TASK DETAILS:
Please return only the lines from the one holding "#32=IFCINDEXEDPOLYGONALFACE((5,7,8,6));" through the one holding "#48=IFCINDEXEDPOLYGONALFACE((5,7,8,6));", exactly as they appear in the records below, both ends included.

+-------+

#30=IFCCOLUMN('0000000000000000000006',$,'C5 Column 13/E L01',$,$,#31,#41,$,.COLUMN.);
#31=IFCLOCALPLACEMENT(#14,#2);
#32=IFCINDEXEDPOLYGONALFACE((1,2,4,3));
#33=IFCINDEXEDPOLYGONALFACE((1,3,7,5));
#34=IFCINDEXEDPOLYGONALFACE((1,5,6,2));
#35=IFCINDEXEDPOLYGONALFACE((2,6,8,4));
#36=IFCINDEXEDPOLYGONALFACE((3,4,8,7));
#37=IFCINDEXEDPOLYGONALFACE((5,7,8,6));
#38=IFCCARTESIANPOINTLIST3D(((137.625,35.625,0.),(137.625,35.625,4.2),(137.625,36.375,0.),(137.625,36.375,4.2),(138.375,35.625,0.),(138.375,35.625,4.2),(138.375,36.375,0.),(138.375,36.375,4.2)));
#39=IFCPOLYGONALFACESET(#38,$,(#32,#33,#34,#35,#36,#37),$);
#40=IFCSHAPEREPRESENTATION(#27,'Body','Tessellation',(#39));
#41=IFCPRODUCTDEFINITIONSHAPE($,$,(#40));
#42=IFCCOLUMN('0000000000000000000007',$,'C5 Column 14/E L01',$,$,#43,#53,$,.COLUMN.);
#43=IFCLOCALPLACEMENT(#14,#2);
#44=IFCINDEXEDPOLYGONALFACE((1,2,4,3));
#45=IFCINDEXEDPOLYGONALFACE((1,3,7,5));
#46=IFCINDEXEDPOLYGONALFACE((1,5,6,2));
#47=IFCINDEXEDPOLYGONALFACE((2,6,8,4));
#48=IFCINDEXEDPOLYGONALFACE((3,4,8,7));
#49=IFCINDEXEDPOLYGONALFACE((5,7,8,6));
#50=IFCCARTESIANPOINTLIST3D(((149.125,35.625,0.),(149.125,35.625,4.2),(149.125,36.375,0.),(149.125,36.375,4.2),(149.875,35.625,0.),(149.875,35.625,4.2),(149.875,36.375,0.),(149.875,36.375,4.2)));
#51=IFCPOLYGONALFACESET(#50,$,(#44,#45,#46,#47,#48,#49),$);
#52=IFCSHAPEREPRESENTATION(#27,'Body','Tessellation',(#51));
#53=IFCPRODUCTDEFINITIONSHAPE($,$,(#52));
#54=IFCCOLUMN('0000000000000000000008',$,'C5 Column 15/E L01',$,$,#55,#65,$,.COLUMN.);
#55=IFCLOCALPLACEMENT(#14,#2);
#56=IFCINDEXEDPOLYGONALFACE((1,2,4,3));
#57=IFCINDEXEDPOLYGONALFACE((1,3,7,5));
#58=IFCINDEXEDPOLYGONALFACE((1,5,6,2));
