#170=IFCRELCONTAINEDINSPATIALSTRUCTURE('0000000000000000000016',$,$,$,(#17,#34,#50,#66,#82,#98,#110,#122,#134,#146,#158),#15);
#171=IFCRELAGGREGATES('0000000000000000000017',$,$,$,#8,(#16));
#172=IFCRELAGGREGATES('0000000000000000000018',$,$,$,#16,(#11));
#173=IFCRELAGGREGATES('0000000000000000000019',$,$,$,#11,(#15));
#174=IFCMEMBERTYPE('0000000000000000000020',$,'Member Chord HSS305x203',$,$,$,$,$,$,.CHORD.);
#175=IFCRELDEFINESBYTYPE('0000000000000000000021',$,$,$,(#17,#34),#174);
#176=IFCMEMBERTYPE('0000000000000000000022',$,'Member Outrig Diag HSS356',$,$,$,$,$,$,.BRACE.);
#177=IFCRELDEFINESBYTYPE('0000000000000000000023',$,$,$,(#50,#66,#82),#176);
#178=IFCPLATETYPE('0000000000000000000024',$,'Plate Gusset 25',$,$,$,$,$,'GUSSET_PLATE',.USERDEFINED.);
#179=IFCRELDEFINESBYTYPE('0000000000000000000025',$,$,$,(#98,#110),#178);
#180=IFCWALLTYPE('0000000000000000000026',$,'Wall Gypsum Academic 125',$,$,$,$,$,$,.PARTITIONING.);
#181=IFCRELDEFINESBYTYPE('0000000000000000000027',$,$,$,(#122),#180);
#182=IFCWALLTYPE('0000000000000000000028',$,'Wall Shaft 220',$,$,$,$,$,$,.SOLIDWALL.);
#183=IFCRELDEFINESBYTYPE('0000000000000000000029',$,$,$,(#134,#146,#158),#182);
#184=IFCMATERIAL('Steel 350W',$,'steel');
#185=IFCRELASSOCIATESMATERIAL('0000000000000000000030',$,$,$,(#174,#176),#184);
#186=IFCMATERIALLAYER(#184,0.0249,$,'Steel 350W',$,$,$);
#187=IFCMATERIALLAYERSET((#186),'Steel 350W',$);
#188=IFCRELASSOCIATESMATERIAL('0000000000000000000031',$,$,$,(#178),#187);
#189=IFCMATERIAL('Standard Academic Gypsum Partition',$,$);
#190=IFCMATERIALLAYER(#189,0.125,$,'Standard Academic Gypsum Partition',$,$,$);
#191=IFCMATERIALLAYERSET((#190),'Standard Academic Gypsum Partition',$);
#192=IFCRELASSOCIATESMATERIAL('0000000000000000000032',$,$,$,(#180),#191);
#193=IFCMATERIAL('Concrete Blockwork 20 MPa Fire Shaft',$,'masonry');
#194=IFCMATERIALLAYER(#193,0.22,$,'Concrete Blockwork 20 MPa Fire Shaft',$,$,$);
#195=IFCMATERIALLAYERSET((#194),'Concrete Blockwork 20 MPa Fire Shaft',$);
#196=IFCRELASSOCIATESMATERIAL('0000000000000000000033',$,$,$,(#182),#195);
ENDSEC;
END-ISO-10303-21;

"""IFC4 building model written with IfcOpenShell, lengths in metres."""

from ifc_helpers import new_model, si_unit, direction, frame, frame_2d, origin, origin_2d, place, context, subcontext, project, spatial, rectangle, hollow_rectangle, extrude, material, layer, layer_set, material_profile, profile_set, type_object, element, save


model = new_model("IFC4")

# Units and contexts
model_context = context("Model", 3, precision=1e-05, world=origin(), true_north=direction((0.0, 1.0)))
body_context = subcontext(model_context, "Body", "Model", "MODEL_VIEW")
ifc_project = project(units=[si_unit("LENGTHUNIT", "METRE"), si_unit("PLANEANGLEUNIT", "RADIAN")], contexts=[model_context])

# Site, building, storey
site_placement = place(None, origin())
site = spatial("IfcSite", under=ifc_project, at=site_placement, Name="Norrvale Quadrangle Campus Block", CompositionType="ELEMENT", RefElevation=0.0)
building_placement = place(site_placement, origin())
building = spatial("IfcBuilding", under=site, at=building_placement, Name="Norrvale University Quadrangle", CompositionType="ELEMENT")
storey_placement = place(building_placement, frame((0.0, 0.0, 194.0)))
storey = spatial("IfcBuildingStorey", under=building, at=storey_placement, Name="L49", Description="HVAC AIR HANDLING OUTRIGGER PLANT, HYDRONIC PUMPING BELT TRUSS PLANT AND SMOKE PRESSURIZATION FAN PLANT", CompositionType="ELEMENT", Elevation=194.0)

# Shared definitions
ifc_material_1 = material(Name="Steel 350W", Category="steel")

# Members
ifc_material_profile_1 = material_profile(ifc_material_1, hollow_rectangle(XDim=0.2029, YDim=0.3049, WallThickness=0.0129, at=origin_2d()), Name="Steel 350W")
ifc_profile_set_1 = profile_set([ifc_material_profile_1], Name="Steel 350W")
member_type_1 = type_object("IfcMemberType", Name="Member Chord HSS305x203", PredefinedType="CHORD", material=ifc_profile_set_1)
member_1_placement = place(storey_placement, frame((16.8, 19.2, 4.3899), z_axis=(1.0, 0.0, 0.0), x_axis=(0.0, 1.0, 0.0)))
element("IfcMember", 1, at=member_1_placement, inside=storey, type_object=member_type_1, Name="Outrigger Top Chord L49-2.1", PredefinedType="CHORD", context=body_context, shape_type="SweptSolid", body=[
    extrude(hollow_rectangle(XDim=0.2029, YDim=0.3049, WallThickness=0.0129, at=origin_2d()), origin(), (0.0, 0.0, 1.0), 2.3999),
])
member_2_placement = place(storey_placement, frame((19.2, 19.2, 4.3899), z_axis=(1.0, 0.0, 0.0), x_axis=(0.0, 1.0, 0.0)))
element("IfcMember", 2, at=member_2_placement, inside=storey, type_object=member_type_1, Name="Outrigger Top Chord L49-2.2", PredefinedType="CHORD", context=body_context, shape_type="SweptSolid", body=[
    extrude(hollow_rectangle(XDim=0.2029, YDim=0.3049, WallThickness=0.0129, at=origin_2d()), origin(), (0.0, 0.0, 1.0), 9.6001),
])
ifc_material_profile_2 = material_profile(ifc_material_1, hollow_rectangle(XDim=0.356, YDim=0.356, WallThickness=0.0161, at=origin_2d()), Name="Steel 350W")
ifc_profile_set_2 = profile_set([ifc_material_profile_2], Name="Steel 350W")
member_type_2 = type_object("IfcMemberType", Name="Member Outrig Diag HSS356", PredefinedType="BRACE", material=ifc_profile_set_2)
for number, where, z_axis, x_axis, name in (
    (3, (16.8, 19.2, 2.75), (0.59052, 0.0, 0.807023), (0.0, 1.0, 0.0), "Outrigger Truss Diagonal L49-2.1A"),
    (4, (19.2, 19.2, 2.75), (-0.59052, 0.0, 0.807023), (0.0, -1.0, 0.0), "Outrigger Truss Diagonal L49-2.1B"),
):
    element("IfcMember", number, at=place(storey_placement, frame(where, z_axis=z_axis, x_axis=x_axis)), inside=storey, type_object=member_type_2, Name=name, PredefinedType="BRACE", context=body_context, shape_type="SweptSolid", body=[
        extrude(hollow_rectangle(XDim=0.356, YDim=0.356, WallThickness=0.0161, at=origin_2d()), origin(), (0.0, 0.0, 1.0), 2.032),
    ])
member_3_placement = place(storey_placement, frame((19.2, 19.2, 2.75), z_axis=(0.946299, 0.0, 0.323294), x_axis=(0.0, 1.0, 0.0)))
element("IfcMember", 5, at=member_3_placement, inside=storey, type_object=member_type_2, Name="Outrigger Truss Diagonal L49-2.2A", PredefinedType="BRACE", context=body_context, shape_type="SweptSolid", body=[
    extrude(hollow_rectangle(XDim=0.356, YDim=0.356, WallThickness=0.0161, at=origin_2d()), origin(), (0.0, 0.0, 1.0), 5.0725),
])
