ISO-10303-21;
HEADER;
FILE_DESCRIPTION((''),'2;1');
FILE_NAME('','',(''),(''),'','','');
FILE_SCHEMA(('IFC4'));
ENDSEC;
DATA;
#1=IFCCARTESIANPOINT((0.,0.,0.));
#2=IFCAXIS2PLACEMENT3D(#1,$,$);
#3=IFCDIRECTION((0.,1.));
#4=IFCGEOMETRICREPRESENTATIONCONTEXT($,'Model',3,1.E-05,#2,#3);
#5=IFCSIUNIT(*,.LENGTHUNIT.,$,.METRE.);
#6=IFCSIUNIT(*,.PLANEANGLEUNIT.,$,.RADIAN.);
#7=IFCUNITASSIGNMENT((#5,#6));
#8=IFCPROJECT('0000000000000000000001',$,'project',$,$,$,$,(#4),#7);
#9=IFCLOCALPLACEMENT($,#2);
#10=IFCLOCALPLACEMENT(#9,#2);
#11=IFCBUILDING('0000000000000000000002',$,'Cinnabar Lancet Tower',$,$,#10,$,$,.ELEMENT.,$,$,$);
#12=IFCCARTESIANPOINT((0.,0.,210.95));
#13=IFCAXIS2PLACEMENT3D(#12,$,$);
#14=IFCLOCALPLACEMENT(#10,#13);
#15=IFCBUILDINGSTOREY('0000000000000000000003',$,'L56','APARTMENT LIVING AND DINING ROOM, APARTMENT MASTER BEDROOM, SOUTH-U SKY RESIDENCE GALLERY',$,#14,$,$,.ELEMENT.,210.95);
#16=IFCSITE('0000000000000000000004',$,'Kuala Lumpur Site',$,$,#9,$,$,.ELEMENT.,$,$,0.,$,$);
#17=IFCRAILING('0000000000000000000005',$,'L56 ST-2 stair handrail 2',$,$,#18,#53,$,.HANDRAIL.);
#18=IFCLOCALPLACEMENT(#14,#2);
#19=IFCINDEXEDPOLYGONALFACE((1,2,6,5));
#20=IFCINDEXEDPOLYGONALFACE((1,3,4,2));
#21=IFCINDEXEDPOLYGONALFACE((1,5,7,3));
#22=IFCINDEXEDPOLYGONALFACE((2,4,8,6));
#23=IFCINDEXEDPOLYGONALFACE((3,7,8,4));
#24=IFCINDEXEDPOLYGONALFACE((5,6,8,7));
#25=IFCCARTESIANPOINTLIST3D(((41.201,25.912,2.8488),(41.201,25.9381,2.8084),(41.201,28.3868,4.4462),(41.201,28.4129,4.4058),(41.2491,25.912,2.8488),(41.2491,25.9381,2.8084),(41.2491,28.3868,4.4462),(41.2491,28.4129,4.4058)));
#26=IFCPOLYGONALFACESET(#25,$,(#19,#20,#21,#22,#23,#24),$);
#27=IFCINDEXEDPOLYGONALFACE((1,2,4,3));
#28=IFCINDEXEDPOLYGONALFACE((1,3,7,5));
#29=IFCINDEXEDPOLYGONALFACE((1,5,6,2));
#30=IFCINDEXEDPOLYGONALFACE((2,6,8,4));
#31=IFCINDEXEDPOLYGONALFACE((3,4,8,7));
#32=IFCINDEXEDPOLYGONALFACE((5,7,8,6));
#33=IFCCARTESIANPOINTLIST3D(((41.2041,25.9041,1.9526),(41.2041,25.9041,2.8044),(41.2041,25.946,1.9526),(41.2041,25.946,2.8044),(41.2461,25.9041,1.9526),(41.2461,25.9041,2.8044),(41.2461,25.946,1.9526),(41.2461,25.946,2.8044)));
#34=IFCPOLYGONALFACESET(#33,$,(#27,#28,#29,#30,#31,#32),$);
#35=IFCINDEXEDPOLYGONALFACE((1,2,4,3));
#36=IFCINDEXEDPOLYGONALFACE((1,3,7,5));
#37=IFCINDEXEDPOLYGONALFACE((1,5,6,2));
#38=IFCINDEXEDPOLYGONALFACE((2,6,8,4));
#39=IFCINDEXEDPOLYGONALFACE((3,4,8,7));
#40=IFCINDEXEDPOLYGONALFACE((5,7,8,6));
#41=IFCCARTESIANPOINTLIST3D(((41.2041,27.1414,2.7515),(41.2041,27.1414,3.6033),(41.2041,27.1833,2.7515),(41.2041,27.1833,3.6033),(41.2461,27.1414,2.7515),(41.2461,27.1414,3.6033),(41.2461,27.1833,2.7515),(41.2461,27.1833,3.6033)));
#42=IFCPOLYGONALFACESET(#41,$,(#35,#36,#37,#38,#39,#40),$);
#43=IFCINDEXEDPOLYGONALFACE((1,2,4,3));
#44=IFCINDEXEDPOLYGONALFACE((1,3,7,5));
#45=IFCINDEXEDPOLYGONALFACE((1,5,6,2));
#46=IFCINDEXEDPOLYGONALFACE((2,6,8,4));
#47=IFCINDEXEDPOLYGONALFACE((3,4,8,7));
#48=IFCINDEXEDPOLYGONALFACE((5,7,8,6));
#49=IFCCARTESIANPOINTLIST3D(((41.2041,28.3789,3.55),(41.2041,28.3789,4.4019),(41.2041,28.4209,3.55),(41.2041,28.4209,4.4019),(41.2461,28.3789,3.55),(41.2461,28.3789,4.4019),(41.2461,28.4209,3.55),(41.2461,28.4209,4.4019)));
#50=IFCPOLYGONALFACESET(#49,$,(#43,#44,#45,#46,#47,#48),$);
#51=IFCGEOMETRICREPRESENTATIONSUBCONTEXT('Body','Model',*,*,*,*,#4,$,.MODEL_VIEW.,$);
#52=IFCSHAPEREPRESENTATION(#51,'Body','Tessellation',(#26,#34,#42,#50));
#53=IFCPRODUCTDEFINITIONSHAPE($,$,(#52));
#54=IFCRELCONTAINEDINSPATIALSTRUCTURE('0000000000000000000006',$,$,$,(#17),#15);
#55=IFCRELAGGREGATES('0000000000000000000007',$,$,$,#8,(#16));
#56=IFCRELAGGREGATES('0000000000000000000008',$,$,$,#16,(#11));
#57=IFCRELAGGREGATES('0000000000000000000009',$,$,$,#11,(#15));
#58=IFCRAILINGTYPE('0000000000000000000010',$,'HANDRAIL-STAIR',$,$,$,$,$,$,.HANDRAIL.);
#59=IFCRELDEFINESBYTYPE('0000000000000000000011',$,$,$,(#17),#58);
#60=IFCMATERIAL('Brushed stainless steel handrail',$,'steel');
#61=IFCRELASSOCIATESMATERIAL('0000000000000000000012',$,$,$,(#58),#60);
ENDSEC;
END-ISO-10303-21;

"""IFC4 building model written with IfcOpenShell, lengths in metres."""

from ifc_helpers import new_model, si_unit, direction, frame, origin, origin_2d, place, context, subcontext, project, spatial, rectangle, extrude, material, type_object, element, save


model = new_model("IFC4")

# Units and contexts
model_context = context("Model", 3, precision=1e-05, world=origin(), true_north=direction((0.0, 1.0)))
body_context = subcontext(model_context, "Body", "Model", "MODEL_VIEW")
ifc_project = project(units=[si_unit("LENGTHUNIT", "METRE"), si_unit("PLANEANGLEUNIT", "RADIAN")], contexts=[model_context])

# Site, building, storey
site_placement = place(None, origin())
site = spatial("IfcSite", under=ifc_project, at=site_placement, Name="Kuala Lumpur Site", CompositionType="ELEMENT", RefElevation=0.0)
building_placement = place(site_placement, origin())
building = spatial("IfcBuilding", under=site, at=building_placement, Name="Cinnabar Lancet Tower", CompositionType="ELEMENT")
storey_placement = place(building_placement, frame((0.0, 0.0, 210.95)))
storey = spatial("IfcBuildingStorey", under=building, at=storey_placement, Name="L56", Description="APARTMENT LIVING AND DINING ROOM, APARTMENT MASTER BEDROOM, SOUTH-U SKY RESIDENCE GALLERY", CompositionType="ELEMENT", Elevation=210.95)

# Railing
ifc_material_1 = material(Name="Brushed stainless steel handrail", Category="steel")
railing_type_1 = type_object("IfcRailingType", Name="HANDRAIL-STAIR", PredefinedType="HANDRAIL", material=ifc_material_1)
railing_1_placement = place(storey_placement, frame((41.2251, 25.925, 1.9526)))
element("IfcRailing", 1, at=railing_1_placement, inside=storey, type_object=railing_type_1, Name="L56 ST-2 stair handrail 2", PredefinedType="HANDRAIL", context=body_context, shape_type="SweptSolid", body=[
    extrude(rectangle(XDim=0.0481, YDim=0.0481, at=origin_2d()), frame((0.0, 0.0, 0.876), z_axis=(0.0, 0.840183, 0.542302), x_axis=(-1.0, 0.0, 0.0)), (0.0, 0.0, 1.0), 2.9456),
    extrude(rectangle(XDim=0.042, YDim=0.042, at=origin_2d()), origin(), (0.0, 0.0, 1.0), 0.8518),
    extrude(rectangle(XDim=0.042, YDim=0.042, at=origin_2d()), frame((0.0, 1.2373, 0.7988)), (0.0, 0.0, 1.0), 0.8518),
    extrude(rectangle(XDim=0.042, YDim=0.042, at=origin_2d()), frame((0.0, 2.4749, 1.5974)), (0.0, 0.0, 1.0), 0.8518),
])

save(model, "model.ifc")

+-------+

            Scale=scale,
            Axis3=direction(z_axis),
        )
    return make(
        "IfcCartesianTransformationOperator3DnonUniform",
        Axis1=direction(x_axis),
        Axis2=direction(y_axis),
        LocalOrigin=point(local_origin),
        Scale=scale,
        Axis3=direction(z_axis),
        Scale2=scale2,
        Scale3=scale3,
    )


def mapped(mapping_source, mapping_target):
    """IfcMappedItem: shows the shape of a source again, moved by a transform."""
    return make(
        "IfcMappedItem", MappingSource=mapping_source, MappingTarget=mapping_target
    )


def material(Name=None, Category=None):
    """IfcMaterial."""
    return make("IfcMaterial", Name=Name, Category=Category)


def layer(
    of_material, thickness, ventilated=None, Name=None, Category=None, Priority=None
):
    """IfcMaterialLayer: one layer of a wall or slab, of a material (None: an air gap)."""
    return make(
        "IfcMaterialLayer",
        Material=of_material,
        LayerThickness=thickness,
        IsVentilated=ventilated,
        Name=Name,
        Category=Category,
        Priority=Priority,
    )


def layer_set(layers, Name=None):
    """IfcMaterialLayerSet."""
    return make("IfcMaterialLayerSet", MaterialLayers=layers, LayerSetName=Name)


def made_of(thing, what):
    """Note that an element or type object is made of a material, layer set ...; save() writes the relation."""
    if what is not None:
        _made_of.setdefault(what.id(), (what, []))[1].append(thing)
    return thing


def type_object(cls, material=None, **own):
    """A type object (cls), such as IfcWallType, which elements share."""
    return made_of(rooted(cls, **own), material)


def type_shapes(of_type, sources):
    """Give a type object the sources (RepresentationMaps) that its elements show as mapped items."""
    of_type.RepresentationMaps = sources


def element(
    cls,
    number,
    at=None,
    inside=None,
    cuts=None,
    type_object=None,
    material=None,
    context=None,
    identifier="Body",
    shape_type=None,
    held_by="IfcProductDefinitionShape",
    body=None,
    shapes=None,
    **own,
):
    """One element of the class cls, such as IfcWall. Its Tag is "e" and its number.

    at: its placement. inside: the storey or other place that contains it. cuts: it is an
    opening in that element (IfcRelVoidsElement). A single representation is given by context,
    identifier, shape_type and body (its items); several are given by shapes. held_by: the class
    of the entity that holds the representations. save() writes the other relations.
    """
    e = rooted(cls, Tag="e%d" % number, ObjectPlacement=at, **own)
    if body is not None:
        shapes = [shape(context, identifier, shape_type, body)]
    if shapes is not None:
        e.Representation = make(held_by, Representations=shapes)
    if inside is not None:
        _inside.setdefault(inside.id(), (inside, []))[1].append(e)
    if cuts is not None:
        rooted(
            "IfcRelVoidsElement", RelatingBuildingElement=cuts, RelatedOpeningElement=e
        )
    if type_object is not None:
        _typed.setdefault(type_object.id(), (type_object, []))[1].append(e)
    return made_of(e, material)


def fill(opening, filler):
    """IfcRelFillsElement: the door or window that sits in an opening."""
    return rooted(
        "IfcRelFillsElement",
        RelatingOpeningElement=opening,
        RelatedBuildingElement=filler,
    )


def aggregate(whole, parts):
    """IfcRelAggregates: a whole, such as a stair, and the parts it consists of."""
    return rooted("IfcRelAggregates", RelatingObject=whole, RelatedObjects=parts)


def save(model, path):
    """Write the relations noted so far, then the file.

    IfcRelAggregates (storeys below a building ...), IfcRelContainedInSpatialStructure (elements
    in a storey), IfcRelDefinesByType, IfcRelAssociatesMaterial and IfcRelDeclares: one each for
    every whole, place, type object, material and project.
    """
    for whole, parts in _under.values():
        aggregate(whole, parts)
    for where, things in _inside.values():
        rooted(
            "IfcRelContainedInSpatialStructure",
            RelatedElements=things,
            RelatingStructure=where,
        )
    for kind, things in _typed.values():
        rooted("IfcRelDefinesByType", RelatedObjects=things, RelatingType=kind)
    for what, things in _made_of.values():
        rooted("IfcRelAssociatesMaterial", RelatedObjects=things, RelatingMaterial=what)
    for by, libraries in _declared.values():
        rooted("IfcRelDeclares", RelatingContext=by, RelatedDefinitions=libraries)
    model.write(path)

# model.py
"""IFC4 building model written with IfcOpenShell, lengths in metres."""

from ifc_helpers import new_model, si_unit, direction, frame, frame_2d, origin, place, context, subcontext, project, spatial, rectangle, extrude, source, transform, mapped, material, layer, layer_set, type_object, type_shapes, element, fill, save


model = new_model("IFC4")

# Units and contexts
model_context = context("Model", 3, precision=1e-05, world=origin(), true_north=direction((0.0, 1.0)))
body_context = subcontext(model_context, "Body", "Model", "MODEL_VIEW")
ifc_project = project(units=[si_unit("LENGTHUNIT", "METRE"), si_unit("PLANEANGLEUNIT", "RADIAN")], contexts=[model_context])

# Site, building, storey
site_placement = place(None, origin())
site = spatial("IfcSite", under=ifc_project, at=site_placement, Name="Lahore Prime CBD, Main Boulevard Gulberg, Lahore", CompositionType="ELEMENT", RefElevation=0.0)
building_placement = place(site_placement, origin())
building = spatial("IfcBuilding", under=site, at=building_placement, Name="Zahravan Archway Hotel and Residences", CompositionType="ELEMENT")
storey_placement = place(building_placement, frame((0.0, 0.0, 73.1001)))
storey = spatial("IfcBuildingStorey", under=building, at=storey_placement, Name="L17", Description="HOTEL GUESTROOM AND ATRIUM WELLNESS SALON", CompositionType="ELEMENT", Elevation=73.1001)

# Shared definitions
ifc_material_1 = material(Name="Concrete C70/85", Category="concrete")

+-------+

TASK ANSWER:
#32=IFCINDEXEDPOLYGONALFACE((5,7,8,6));
#33=IFCCARTESIANPOINTLIST3D(((41.2041,25.9041,1.9526),(41.2041,25.9041,2.8044),(41.2041,25.946,1.9526),(41.2041,25.946,2.8044),(41.2461,25.9041,1.9526),(41.2461,25.9041,2.8044),(41.2461,25.946,1.9526),(41.2461,25.946,2.8044)));
#34=IFCPOLYGONALFACESET(#33,$,(#27,#28,#29,#30,#31,#32),$);
#35=IFCINDEXEDPOLYGONALFACE((1,2,4,3));
#36=IFCINDEXEDPOLYGONALFACE((1,3,7,5));
#37=IFCINDEXEDPOLYGONALFACE((1,5,6,2));
#38=IFCINDEXEDPOLYGONALFACE((2,6,8,4));
#39=IFCINDEXEDPOLYGONALFACE((3,4,8,7));
#40=IFCINDEXEDPOLYGONALFACE((5,7,8,6));
#41=IFCCARTESIANPOINTLIST3D(((41.2041,27.1414,2.7515),(41.2041,27.1414,3.6033),(41.2041,27.1833,2.7515),(41.2041,27.1833,3.6033),(41.2461,27.1414,2.7515),(41.2461,27.1414,3.6033),(41.2461,27.1833,2.7515),(41.2461,27.1833,3.6033)));
#42=IFCPOLYGONALFACESET(#41,$,(#35,#36,#37,#38,#39,#40),$);
#43=IFCINDEXEDPOLYGONALFACE((1,2,4,3));
#44=IFCINDEXEDPOLYGONALFACE((1,3,7,5));
#45=IFCINDEXEDPOLYGONALFACE((1,5,6,2));
#46=IFCINDEXEDPOLYGONALFACE((2,6,8,4));
#47=IFCINDEXEDPOLYGONALFACE((3,4,8,7));
#48=IFCINDEXEDPOLYGONALFACE((5,7,8,6));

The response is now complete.